• The problem: Among the entries below, please repeat exactly and only the lines from the line containing "#69=IFCINDEXEDPOLYGONALFACE((1,2,4,3));" to the line containing "#74=IFCINDEXEDPOLYGONALFACE((5,7,8,6));", both lines included.

• Task data:
##############################

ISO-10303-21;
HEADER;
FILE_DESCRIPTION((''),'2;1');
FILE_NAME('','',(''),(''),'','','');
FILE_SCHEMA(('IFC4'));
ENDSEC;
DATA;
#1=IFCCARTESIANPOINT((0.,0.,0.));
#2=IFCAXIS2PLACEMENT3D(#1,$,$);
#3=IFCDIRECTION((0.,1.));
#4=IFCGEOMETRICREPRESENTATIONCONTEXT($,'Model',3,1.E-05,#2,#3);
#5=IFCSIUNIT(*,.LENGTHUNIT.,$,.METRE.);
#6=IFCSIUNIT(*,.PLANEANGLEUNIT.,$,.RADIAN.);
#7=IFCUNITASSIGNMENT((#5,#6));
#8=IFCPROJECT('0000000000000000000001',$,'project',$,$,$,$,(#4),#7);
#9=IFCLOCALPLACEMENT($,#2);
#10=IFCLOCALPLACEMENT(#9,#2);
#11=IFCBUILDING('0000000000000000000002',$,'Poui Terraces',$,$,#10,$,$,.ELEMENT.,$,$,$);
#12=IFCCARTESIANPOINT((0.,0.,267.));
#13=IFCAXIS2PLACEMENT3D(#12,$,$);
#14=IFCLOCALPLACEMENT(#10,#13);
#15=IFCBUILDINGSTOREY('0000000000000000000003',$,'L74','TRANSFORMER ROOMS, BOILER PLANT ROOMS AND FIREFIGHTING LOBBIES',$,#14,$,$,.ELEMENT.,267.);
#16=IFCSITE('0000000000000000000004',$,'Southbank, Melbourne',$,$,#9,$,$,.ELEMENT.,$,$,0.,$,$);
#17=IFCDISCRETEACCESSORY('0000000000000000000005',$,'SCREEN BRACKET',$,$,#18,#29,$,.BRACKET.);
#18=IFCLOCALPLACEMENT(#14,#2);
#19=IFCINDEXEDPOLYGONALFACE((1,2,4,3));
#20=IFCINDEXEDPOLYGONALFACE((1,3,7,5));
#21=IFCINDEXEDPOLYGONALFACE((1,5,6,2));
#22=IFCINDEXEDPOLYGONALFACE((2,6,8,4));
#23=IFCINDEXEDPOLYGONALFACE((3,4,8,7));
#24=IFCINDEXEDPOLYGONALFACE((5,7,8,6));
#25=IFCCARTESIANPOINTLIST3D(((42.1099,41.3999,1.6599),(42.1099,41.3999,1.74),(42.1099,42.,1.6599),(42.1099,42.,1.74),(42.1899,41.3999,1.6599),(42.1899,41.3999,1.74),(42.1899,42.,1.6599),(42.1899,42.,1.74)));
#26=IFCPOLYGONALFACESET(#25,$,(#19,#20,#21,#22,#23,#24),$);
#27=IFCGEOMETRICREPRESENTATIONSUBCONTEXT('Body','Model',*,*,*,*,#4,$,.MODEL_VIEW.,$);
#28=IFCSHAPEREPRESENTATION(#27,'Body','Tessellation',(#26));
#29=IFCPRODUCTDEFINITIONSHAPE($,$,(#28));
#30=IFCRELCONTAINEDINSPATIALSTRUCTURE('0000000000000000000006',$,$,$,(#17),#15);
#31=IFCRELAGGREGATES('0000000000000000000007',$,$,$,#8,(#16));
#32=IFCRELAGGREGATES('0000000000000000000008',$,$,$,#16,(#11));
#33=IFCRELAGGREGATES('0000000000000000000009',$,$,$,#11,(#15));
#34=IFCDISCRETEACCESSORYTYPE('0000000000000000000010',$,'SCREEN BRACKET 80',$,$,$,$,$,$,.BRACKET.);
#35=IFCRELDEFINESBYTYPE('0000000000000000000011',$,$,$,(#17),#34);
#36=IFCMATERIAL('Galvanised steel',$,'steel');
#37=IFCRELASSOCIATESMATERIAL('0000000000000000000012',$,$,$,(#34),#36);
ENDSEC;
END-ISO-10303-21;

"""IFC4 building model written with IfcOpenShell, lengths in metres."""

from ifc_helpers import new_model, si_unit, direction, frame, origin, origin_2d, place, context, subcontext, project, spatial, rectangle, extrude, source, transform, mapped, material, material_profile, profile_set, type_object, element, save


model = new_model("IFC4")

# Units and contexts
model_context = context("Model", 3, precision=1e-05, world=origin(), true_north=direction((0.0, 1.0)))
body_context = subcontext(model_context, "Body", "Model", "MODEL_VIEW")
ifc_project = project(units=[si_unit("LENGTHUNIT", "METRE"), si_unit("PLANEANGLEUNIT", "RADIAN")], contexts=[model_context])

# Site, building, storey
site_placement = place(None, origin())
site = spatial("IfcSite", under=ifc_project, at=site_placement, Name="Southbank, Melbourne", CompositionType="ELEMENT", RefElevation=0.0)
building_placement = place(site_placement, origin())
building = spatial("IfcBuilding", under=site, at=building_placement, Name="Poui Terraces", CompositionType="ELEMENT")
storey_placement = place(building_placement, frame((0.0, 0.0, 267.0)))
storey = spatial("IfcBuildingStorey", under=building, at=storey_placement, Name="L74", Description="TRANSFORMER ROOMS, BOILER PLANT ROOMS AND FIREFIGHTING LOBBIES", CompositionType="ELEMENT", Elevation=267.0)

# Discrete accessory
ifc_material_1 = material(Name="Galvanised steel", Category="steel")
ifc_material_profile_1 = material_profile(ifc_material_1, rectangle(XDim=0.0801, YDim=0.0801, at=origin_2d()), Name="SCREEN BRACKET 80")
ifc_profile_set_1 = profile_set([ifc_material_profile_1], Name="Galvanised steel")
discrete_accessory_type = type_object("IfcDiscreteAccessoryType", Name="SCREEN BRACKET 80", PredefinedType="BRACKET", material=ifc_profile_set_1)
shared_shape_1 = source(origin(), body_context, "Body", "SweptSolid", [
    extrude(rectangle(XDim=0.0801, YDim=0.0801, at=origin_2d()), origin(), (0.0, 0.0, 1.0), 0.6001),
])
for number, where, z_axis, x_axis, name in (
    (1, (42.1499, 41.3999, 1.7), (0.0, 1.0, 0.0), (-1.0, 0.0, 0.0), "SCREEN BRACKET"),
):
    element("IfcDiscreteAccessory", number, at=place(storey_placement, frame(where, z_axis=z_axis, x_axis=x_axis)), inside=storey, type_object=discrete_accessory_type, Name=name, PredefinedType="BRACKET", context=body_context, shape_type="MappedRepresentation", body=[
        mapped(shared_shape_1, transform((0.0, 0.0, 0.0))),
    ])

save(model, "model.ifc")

##############################

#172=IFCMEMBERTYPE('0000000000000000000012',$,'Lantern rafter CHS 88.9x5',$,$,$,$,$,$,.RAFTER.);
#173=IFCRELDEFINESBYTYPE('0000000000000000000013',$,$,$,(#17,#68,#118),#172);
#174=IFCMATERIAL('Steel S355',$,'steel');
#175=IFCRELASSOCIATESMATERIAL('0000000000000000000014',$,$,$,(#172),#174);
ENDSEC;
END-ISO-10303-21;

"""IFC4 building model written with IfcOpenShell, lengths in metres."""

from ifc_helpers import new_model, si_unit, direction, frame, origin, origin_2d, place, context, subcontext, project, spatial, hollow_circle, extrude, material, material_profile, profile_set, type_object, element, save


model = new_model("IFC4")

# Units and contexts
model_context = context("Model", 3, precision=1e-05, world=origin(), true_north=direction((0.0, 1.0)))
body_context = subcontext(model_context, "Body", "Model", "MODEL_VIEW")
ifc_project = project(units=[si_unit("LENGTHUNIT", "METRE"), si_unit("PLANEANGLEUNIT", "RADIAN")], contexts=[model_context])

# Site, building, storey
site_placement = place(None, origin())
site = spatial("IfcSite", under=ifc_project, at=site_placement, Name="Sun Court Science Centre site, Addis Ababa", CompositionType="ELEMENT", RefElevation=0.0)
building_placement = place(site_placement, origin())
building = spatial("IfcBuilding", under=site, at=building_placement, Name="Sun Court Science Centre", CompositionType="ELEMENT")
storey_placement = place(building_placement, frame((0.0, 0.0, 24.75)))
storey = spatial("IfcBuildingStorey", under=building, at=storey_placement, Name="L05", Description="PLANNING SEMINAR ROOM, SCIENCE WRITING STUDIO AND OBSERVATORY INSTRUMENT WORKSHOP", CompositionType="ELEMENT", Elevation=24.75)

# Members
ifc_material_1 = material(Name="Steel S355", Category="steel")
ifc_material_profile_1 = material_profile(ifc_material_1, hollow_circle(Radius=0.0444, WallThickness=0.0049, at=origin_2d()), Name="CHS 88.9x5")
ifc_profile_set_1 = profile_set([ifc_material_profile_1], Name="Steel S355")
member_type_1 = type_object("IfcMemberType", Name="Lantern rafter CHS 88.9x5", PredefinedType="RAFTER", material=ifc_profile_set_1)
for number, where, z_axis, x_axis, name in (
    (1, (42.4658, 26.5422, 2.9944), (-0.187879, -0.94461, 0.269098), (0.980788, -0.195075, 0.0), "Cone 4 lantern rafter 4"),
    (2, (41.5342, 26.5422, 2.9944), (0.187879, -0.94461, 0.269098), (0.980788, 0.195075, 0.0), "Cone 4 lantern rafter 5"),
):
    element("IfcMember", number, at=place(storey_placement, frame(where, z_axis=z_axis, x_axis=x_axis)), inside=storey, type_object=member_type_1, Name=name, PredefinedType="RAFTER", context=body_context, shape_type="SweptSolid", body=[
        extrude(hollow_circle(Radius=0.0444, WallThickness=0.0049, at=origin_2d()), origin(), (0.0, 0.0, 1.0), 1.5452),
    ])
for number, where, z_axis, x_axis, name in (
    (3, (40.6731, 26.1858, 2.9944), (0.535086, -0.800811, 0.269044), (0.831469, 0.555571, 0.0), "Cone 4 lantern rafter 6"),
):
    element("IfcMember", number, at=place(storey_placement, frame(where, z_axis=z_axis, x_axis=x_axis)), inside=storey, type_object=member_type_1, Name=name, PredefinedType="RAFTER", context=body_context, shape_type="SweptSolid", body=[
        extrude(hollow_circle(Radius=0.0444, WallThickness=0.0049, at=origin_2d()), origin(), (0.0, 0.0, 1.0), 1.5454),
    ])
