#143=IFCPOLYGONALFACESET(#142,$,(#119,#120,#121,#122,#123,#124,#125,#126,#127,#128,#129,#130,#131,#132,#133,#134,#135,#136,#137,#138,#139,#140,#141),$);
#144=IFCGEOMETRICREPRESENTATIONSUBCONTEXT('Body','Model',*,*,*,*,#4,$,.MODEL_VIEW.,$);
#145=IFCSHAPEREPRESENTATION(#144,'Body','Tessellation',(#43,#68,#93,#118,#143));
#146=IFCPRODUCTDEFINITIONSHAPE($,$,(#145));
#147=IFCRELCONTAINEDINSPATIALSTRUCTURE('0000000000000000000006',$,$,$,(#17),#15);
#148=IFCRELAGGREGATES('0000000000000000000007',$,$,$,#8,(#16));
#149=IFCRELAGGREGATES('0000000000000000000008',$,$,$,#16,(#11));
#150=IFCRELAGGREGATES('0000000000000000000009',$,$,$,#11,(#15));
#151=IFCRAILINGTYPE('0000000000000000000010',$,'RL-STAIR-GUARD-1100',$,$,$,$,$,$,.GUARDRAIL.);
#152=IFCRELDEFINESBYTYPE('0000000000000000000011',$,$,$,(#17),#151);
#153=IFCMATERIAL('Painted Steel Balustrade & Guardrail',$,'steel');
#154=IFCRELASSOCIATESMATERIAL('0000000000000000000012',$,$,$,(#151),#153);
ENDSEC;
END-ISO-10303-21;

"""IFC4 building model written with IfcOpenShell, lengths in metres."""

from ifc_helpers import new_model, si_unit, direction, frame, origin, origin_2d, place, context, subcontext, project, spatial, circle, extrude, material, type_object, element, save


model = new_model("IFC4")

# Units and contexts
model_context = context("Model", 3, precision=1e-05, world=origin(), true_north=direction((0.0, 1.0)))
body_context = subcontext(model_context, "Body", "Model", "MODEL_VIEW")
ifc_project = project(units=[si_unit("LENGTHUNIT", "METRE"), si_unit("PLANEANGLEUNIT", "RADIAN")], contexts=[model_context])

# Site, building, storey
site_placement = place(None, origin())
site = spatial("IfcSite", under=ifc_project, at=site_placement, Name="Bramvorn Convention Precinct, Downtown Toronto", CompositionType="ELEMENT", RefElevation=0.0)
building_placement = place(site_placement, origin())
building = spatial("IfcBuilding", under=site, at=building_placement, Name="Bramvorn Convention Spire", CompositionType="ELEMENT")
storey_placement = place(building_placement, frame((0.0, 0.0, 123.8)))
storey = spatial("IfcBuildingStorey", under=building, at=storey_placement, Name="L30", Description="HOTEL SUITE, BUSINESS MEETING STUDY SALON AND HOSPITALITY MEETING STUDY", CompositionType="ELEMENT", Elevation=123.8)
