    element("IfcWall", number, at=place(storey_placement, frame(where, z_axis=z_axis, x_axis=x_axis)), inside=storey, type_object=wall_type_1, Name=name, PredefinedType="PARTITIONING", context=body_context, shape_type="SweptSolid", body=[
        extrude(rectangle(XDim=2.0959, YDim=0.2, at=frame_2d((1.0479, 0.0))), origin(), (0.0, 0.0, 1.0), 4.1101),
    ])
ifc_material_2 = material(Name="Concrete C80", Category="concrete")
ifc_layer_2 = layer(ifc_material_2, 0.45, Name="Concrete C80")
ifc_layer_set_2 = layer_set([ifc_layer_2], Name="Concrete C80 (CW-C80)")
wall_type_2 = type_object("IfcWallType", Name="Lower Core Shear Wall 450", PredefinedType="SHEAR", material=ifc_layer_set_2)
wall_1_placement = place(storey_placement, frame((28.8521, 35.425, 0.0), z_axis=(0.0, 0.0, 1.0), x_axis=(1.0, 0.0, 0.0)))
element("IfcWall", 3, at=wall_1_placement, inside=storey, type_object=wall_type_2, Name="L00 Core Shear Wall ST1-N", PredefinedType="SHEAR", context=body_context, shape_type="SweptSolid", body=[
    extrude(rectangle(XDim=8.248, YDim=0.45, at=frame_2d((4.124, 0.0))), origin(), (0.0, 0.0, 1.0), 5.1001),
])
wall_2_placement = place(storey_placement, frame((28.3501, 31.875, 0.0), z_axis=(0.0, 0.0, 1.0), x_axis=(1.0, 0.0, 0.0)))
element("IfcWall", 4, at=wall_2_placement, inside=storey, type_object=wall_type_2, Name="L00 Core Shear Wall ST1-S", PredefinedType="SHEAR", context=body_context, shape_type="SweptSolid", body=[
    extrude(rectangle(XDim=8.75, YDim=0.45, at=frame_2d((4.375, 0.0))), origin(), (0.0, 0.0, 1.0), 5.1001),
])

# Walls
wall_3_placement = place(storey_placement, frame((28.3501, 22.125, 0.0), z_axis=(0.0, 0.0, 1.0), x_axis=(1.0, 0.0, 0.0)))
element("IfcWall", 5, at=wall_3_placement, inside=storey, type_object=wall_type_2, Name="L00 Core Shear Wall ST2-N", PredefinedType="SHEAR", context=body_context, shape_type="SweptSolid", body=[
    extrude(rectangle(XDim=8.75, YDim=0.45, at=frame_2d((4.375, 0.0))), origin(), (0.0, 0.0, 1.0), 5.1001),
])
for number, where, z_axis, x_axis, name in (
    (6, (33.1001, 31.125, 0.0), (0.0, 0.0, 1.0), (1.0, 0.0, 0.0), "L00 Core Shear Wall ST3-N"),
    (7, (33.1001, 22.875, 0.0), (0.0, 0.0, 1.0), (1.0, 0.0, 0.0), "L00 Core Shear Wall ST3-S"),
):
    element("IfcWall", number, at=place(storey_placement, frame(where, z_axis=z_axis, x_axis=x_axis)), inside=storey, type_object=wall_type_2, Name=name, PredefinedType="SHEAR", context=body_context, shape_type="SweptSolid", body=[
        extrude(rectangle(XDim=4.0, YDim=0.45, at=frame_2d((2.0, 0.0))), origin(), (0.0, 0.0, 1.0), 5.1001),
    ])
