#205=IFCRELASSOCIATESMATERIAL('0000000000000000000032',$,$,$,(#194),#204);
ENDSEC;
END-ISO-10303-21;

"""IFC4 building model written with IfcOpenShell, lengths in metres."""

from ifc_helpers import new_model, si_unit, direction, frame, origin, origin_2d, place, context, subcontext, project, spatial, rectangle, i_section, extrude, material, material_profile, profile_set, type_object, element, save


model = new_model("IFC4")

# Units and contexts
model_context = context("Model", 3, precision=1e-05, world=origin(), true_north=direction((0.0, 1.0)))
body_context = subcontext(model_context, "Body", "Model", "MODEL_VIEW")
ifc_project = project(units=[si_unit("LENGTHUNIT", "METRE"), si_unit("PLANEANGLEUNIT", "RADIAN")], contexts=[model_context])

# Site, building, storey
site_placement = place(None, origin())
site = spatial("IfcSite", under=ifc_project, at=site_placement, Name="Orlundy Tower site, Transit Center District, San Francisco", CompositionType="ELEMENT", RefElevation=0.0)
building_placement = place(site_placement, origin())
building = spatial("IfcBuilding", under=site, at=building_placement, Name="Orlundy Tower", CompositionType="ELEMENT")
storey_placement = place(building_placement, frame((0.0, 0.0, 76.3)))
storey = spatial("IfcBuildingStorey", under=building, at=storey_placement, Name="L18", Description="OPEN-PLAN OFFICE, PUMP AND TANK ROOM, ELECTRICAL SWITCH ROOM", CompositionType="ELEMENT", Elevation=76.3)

##############################

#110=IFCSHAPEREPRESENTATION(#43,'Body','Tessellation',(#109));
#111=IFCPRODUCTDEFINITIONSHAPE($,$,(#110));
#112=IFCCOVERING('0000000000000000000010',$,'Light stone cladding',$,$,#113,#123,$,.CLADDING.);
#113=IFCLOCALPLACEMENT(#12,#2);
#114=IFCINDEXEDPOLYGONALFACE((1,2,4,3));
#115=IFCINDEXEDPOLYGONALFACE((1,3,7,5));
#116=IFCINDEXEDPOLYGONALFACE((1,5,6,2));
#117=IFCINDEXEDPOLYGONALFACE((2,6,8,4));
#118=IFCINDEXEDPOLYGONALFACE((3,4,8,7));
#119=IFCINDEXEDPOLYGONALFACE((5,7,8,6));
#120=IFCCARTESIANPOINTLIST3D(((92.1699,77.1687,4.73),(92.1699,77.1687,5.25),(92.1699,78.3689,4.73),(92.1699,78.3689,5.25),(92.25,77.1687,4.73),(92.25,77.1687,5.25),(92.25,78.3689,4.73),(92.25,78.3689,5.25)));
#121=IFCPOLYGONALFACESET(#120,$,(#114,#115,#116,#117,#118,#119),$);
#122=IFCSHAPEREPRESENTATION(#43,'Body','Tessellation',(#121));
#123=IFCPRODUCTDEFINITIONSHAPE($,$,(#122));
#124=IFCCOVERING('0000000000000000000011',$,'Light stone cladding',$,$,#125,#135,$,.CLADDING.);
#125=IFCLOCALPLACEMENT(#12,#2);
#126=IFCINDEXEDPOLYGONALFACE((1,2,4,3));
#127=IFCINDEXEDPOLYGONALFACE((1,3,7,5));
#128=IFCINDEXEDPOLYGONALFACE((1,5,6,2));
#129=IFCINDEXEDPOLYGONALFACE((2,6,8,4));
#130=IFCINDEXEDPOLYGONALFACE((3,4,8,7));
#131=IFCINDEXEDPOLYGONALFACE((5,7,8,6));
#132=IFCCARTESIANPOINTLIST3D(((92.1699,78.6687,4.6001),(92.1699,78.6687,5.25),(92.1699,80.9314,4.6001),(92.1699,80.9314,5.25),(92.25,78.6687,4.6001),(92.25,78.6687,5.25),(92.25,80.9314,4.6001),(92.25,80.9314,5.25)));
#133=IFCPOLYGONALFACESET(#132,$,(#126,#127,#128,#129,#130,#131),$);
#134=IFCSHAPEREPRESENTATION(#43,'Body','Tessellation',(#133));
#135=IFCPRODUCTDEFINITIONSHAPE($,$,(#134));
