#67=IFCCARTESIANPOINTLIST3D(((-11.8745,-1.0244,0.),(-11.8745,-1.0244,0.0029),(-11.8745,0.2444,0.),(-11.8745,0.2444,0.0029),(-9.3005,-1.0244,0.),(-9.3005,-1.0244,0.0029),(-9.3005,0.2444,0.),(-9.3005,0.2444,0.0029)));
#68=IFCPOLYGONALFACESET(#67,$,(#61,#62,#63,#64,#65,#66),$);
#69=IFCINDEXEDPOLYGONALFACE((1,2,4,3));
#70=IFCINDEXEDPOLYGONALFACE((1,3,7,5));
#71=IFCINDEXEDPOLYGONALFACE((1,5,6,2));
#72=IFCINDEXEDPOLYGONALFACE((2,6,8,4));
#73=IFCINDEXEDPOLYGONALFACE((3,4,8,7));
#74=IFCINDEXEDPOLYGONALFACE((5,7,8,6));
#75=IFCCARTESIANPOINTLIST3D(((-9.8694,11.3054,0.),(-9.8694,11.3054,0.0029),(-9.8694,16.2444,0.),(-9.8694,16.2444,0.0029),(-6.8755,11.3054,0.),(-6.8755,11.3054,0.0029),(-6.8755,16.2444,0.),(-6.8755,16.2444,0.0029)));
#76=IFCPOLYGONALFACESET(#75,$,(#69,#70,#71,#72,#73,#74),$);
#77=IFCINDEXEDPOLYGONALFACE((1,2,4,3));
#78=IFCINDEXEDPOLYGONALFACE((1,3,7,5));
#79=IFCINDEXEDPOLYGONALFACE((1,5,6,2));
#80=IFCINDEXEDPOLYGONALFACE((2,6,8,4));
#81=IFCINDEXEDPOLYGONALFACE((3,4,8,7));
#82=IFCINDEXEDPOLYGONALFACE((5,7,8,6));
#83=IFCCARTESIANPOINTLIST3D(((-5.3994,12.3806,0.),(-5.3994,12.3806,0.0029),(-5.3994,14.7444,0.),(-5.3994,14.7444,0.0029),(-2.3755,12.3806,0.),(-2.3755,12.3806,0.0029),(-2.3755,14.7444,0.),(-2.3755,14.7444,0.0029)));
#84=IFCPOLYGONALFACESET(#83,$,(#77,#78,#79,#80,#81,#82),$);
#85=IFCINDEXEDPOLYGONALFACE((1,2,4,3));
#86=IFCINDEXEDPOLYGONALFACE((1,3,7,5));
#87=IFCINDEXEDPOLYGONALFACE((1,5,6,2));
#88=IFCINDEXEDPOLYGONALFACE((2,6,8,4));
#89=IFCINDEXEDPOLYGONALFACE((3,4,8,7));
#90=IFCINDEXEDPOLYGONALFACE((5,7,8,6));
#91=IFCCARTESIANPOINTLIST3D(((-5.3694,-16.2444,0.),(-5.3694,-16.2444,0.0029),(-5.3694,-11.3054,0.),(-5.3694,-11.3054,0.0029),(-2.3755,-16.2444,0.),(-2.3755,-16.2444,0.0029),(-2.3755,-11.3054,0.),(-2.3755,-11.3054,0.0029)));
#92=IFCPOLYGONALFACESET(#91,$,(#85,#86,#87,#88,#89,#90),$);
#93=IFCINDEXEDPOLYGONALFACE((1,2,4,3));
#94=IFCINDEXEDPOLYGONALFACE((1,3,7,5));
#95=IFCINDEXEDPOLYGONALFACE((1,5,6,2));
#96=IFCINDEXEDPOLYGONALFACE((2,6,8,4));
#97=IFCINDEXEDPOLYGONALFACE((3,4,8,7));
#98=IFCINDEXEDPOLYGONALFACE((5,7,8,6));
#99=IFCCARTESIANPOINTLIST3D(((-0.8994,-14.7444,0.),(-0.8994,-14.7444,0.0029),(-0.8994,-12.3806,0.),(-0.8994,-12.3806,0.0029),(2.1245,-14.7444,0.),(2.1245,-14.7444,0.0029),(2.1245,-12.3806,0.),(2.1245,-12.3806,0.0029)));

##############################

• Reply to the task:
#69=IFCINDEXEDPOLYGONALFACE((1,2,4,3));
#70=IFCINDEXEDPOLYGONALFACE((1,3,7,5));
#71=IFCINDEXEDPOLYGONALFACE((1,5,6,2));
#72=IFCINDEXEDPOLYGONALFACE((2,6,8,4));
#73=IFCINDEXEDPOLYGONALFACE((3,4,8,7));
#74=IFCINDEXEDPOLYGONALFACE((5,7,8,6));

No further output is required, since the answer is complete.